* What you have to do:
Among the entries that follow, the required portion opens with the line containing "#127=IFCINDEXEDPOLYGONALFACE((5,7,8,6));" and closes with the line containing "#163=IFCINDEXEDPOLYGONALFACE((5,7,8,6));". Give that portion again exactly, and nothing else.

(Data in this exercise)

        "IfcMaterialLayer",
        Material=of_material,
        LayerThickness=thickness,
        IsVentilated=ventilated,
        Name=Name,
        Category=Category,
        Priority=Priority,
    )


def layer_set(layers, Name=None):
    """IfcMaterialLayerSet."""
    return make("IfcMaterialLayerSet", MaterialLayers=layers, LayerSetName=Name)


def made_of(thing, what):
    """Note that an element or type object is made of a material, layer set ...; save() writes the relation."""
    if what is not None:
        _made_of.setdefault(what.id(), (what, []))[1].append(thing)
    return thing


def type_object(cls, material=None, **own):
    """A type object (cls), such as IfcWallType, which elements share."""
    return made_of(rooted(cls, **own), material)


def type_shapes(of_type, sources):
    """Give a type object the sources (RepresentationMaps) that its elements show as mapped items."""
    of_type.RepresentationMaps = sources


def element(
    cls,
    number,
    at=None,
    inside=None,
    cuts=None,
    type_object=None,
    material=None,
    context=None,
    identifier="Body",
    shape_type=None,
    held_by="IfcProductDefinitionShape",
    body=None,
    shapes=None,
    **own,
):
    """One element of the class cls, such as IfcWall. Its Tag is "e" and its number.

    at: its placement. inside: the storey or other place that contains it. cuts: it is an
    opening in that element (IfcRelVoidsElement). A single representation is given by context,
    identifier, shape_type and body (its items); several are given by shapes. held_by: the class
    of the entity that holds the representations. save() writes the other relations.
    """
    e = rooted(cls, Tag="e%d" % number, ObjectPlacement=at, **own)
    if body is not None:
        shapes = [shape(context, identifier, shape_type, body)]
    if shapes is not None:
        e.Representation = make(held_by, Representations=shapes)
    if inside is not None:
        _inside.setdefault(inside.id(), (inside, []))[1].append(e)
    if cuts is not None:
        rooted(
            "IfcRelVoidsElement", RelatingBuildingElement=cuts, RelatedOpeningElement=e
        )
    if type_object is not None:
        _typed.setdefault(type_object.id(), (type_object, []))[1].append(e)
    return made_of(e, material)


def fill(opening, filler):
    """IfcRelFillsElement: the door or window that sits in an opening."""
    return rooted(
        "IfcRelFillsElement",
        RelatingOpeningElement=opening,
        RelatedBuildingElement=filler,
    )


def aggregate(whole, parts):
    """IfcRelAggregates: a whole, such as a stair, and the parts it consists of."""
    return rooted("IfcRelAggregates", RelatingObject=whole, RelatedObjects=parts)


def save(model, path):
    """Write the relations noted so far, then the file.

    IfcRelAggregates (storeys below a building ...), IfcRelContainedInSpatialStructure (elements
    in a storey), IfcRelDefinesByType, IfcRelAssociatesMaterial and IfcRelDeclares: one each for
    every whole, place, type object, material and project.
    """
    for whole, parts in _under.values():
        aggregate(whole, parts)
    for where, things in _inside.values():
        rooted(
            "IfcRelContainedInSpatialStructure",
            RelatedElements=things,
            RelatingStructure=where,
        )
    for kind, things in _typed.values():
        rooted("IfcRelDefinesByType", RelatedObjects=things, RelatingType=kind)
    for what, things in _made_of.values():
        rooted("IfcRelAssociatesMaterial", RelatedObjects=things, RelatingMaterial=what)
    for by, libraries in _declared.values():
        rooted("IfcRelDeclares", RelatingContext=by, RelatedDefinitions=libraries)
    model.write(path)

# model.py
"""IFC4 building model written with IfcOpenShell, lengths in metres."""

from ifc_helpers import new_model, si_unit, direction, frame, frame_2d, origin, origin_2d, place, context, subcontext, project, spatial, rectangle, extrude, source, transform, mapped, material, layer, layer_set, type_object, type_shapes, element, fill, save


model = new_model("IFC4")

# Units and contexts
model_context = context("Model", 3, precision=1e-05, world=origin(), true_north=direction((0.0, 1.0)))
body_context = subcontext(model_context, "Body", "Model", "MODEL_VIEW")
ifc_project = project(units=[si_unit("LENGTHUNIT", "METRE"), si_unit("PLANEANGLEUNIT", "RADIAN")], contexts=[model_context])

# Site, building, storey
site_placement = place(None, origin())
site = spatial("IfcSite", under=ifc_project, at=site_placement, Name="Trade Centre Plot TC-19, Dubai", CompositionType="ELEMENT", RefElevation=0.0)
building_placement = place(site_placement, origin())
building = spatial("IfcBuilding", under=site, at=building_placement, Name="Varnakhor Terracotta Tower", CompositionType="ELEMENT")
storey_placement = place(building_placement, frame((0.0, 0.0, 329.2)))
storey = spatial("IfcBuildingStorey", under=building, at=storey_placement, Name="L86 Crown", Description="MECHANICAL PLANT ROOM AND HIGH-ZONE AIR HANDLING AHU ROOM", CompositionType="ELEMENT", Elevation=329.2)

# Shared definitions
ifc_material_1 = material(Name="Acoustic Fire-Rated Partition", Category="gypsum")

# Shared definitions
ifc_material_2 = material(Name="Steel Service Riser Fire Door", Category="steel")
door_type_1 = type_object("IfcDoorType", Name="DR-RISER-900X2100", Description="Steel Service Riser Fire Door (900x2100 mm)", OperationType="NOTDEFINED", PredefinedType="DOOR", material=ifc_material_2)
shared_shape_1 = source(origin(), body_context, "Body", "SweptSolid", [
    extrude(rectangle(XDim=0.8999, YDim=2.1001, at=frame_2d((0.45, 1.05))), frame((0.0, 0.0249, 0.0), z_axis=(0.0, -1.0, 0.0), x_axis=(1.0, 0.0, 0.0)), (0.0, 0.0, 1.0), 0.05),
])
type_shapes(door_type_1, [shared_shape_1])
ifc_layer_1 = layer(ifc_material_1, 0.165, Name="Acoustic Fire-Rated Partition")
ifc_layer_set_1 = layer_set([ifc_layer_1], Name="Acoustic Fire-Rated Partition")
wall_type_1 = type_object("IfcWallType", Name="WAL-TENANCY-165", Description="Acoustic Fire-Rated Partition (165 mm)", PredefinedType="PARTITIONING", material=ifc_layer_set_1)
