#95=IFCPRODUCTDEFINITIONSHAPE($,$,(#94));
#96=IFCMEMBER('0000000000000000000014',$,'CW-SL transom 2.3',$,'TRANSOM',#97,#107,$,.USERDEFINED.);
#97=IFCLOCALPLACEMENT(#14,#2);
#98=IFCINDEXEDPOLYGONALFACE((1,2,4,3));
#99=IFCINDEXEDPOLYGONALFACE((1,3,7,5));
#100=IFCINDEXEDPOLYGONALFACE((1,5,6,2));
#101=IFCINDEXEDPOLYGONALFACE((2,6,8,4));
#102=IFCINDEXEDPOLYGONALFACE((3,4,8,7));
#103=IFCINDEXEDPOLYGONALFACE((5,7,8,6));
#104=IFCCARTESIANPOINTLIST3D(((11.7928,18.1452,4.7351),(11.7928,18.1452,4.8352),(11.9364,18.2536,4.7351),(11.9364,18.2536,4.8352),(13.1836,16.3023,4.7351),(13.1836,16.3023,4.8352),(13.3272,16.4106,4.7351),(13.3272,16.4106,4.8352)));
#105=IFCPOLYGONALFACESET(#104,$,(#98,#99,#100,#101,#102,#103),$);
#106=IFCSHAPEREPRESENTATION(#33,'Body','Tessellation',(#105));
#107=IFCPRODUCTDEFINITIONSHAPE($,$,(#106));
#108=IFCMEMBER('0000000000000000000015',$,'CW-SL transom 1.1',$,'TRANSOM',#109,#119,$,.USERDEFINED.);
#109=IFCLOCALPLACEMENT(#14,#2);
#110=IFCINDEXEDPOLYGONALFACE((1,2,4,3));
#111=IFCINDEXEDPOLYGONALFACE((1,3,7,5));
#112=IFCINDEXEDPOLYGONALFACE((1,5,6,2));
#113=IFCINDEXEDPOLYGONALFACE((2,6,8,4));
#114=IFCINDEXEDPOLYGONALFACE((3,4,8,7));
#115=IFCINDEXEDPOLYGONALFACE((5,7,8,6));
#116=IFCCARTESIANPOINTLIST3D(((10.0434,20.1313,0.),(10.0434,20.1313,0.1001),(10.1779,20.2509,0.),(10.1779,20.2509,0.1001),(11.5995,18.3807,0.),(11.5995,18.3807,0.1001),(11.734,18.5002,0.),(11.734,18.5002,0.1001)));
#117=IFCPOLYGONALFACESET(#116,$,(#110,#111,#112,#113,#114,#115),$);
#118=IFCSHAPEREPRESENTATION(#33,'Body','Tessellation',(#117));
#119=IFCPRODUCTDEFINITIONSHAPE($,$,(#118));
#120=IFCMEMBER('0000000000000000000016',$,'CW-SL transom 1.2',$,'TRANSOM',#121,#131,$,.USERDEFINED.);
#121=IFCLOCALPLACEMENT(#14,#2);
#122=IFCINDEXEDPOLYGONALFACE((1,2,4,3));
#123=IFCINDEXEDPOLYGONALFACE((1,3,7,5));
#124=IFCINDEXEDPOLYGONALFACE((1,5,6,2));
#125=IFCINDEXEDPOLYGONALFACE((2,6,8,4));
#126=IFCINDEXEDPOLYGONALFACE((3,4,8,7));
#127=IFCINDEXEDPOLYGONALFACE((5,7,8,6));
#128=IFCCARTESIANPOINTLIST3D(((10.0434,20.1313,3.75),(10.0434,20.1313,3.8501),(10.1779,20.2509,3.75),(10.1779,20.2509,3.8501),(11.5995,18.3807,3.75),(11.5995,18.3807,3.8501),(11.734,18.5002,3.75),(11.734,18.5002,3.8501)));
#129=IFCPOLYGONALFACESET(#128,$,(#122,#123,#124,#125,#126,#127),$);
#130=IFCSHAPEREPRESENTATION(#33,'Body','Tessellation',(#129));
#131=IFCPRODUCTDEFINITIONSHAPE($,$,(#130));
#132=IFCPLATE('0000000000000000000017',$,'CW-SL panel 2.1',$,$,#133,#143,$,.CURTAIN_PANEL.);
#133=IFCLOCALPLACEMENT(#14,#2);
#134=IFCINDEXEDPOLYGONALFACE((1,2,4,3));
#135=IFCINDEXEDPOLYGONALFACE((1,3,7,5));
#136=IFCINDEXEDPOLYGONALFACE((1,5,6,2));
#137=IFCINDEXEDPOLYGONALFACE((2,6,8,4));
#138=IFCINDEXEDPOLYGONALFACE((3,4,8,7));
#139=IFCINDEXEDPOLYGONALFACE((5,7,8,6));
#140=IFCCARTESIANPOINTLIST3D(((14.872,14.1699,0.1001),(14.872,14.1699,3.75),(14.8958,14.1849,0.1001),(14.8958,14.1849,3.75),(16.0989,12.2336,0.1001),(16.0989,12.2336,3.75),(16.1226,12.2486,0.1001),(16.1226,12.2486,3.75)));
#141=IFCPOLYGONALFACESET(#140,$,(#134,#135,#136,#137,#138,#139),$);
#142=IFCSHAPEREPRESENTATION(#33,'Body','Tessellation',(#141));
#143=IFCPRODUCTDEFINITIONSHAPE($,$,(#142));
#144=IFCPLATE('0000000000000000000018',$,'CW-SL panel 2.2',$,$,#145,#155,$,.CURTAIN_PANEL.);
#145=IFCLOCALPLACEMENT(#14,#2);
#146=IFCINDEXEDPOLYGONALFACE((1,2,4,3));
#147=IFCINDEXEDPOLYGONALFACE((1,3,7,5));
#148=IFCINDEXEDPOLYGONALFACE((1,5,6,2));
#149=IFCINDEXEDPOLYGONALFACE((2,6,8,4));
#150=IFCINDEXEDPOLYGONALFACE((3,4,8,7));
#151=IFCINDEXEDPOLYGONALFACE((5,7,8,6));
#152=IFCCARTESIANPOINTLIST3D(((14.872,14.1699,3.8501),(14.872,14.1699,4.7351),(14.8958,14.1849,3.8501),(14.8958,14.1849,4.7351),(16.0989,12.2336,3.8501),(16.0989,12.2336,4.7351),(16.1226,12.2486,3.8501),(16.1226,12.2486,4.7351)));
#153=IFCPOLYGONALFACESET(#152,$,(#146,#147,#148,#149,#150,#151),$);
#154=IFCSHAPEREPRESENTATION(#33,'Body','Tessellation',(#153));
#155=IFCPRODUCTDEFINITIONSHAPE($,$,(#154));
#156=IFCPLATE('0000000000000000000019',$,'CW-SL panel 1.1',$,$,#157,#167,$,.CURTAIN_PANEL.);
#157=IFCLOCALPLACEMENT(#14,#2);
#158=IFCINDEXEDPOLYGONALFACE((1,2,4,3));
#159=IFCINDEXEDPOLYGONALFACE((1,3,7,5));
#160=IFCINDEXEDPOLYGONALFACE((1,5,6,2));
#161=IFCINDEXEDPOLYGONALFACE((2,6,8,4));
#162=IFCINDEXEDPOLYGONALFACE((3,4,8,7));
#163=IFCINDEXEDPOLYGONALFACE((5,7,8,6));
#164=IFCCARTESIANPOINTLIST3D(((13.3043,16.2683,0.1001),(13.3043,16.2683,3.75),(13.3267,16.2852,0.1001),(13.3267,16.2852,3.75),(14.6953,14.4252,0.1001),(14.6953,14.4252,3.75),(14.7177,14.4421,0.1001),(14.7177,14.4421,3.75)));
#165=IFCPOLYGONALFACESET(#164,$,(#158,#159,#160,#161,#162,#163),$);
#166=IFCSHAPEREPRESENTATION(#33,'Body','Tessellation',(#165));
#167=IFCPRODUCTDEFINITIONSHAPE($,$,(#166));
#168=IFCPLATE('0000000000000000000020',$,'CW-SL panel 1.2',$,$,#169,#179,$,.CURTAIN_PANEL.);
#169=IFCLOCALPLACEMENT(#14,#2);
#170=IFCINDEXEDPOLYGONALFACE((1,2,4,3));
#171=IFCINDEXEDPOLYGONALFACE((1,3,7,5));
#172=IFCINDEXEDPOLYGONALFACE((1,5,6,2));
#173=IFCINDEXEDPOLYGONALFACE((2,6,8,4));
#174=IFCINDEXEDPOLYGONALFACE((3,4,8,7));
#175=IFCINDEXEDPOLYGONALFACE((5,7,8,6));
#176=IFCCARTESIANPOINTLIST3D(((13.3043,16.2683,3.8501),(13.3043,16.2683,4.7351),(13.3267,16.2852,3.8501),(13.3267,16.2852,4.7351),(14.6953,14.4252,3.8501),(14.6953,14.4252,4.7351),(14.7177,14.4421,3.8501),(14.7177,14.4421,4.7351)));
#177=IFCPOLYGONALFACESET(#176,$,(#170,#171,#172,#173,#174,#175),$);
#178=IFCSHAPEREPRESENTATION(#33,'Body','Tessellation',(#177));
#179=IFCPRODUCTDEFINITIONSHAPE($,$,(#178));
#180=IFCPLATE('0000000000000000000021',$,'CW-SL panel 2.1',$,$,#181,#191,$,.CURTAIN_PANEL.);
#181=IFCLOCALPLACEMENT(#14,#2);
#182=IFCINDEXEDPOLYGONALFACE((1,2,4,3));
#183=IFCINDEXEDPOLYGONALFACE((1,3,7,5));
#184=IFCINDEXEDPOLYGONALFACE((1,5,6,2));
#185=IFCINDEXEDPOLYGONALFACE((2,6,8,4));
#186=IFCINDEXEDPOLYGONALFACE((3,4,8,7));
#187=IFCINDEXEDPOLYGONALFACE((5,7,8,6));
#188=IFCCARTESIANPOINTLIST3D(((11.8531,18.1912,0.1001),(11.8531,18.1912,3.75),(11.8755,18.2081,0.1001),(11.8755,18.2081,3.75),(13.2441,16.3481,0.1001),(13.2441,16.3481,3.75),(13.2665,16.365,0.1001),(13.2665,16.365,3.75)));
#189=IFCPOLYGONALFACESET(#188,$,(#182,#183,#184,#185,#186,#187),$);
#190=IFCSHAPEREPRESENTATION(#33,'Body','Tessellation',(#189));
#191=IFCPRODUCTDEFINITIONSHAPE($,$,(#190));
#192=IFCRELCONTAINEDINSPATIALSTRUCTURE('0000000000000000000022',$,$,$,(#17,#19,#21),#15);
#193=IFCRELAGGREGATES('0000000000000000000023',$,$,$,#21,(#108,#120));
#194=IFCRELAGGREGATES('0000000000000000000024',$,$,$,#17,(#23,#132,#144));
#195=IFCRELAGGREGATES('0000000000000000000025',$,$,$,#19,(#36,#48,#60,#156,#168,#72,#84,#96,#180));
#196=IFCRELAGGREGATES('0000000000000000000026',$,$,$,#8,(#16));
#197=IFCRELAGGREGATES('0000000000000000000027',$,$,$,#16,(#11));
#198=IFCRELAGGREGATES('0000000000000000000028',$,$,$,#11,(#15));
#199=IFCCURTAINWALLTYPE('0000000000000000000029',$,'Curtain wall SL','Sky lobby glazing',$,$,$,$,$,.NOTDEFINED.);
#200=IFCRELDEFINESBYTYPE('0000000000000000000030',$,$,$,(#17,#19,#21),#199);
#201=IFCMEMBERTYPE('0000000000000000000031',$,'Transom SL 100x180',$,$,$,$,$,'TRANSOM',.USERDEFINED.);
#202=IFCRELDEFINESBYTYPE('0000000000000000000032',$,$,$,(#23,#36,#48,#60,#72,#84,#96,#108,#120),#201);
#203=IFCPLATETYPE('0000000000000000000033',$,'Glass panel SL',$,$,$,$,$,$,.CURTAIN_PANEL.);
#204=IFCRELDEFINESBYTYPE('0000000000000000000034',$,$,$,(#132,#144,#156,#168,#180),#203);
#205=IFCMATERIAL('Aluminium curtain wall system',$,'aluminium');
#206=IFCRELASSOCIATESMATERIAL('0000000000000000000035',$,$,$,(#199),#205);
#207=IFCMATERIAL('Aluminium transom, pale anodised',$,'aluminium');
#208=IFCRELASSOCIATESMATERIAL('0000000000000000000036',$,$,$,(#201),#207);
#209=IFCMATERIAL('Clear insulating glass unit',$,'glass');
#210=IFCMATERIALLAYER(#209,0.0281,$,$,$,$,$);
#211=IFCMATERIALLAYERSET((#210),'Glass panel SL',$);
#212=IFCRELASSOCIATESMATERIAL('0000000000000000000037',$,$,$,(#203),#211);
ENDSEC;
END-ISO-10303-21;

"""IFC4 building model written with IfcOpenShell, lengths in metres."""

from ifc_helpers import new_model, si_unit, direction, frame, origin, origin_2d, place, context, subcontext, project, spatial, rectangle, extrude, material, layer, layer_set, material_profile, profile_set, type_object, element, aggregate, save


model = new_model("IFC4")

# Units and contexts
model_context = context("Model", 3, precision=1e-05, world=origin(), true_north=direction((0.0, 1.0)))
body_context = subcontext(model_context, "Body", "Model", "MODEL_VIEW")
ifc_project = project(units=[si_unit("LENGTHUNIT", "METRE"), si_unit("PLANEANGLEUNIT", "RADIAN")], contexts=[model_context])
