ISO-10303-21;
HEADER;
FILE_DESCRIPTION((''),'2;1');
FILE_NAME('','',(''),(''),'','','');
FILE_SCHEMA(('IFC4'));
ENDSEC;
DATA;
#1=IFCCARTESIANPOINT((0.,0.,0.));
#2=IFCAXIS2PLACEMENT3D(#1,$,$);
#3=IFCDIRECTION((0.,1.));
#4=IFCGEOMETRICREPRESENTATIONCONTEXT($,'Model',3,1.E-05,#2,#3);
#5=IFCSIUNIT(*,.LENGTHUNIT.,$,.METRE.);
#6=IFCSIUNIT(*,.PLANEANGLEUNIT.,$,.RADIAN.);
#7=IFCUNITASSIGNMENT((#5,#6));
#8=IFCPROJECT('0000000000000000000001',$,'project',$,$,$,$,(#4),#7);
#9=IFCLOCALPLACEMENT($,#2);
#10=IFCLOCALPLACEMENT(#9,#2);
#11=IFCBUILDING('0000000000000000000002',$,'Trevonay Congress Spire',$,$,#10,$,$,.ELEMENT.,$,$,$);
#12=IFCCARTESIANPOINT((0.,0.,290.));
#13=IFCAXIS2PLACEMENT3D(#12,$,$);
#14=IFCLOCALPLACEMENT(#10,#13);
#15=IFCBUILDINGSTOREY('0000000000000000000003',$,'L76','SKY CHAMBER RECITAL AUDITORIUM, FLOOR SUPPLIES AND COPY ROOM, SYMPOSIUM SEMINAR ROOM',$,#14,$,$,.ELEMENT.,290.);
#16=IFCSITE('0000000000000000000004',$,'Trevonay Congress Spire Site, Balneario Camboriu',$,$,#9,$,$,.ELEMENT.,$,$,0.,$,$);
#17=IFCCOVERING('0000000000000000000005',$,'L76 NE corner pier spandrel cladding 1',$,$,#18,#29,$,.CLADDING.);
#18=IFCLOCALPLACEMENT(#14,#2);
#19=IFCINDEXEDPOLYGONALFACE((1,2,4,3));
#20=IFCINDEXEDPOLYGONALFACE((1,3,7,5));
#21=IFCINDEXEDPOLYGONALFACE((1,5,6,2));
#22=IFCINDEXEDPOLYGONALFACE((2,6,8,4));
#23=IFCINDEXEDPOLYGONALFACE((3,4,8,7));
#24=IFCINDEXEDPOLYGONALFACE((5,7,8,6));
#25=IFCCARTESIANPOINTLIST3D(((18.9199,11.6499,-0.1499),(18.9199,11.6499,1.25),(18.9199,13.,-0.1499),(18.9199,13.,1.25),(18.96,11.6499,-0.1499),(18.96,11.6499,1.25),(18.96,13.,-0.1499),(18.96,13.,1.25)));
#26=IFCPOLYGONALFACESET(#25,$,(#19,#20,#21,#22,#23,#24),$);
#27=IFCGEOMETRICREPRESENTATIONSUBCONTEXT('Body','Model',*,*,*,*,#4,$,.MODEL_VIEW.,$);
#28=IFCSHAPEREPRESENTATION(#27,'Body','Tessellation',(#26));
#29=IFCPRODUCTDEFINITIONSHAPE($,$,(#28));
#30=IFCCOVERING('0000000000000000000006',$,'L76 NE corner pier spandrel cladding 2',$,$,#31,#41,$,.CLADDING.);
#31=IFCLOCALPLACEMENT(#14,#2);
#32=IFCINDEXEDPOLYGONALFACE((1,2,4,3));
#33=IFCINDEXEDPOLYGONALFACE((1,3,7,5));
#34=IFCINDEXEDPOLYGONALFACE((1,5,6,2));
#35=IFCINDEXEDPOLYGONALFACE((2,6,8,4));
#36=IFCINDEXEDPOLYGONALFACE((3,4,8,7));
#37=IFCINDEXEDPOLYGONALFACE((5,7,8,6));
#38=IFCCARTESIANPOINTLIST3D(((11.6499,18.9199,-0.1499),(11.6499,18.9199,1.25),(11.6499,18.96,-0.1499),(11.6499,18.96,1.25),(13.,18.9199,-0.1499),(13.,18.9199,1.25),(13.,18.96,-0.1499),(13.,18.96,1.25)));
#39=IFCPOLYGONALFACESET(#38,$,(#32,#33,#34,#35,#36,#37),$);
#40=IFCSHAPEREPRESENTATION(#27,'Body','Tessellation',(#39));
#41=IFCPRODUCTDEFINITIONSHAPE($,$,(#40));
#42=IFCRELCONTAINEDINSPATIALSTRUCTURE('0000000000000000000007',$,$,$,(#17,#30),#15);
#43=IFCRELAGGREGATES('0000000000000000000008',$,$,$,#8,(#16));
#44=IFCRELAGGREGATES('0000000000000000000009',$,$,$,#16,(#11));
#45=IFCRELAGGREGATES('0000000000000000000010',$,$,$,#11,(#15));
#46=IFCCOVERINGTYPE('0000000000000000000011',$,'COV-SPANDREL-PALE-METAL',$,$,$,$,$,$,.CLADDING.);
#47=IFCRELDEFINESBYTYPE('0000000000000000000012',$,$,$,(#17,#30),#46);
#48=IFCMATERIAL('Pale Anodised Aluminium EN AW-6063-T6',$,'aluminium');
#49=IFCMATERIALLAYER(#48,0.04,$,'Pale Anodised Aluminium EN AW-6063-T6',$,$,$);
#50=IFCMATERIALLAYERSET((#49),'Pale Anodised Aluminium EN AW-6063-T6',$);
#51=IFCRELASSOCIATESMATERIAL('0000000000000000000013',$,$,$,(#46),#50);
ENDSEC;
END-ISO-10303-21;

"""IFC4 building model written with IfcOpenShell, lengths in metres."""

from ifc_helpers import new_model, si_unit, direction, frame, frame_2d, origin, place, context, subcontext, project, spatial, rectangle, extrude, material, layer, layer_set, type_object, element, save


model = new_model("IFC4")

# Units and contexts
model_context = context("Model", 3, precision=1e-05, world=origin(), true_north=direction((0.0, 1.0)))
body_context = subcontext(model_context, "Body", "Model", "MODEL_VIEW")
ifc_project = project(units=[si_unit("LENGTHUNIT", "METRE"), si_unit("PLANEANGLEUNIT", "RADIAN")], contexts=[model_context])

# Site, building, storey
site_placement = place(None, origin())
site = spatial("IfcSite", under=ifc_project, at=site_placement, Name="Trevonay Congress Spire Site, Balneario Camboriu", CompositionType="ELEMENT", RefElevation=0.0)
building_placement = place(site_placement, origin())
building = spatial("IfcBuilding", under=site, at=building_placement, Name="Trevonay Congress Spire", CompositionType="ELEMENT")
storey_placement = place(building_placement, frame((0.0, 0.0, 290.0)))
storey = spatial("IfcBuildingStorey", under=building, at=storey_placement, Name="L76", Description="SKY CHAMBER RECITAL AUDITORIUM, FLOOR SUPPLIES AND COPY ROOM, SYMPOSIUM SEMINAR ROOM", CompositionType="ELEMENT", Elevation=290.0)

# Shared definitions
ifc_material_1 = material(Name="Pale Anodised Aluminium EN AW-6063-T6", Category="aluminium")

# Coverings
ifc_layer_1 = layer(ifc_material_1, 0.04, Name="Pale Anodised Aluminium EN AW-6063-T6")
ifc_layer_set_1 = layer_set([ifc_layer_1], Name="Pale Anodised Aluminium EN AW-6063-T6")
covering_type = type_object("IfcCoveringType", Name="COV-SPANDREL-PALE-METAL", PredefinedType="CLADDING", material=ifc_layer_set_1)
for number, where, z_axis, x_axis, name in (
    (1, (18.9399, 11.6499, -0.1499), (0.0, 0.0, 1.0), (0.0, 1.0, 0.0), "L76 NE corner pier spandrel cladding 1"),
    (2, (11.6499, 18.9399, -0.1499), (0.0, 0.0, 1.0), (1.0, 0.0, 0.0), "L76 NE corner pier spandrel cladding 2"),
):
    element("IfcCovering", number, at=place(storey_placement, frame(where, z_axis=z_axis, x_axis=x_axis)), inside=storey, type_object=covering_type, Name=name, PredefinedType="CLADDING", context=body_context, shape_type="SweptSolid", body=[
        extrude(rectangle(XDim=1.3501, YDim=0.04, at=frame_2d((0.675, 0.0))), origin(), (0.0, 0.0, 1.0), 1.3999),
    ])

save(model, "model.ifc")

(End Data in this exercise)

* Solution below:
#127=IFCINDEXEDPOLYGONALFACE((5,7,8,6));
#128=IFCCARTESIANPOINTLIST3D(((10.0434,20.1313,3.75),(10.0434,20.1313,3.8501),(10.1779,20.2509,3.75),(10.1779,20.2509,3.8501),(11.5995,18.3807,3.75),(11.5995,18.3807,3.8501),(11.734,18.5002,3.75),(11.734,18.5002,3.8501)));
#129=IFCPOLYGONALFACESET(#128,$,(#122,#123,#124,#125,#126,#127),$);
#130=IFCSHAPEREPRESENTATION(#33,'Body','Tessellation',(#129));
#131=IFCPRODUCTDEFINITIONSHAPE($,$,(#130));
#132=IFCPLATE('0000000000000000000017',$,'CW-SL panel 2.1',$,$,#133,#143,$,.CURTAIN_PANEL.);
#133=IFCLOCALPLACEMENT(#14,#2);
#134=IFCINDEXEDPOLYGONALFACE((1,2,4,3));
#135=IFCINDEXEDPOLYGONALFACE((1,3,7,5));
#136=IFCINDEXEDPOLYGONALFACE((1,5,6,2));
#137=IFCINDEXEDPOLYGONALFACE((2,6,8,4));
#138=IFCINDEXEDPOLYGONALFACE((3,4,8,7));
#139=IFCINDEXEDPOLYGONALFACE((5,7,8,6));
#140=IFCCARTESIANPOINTLIST3D(((14.872,14.1699,0.1001),(14.872,14.1699,3.75),(14.8958,14.1849,0.1001),(14.8958,14.1849,3.75),(16.0989,12.2336,0.1001),(16.0989,12.2336,3.75),(16.1226,12.2486,0.1001),(16.1226,12.2486,3.75)));
#141=IFCPOLYGONALFACESET(#140,$,(#134,#135,#136,#137,#138,#139),$);
#142=IFCSHAPEREPRESENTATION(#33,'Body','Tessellation',(#141));
#143=IFCPRODUCTDEFINITIONSHAPE($,$,(#142));
#144=IFCPLATE('0000000000000000000018',$,'CW-SL panel 2.2',$,$,#145,#155,$,.CURTAIN_PANEL.);
#145=IFCLOCALPLACEMENT(#14,#2);
#146=IFCINDEXEDPOLYGONALFACE((1,2,4,3));
#147=IFCINDEXEDPOLYGONALFACE((1,3,7,5));
#148=IFCINDEXEDPOLYGONALFACE((1,5,6,2));
#149=IFCINDEXEDPOLYGONALFACE((2,6,8,4));
#150=IFCINDEXEDPOLYGONALFACE((3,4,8,7));
#151=IFCINDEXEDPOLYGONALFACE((5,7,8,6));
#152=IFCCARTESIANPOINTLIST3D(((14.872,14.1699,3.8501),(14.872,14.1699,4.7351),(14.8958,14.1849,3.8501),(14.8958,14.1849,4.7351),(16.0989,12.2336,3.8501),(16.0989,12.2336,4.7351),(16.1226,12.2486,3.8501),(16.1226,12.2486,4.7351)));
#153=IFCPOLYGONALFACESET(#152,$,(#146,#147,#148,#149,#150,#151),$);
#154=IFCSHAPEREPRESENTATION(#33,'Body','Tessellation',(#153));
#155=IFCPRODUCTDEFINITIONSHAPE($,$,(#154));
#156=IFCPLATE('0000000000000000000019',$,'CW-SL panel 1.1',$,$,#157,#167,$,.CURTAIN_PANEL.);
#157=IFCLOCALPLACEMENT(#14,#2);
#158=IFCINDEXEDPOLYGONALFACE((1,2,4,3));
#159=IFCINDEXEDPOLYGONALFACE((1,3,7,5));
#160=IFCINDEXEDPOLYGONALFACE((1,5,6,2));
#161=IFCINDEXEDPOLYGONALFACE((2,6,8,4));
#162=IFCINDEXEDPOLYGONALFACE((3,4,8,7));
#163=IFCINDEXEDPOLYGONALFACE((5,7,8,6));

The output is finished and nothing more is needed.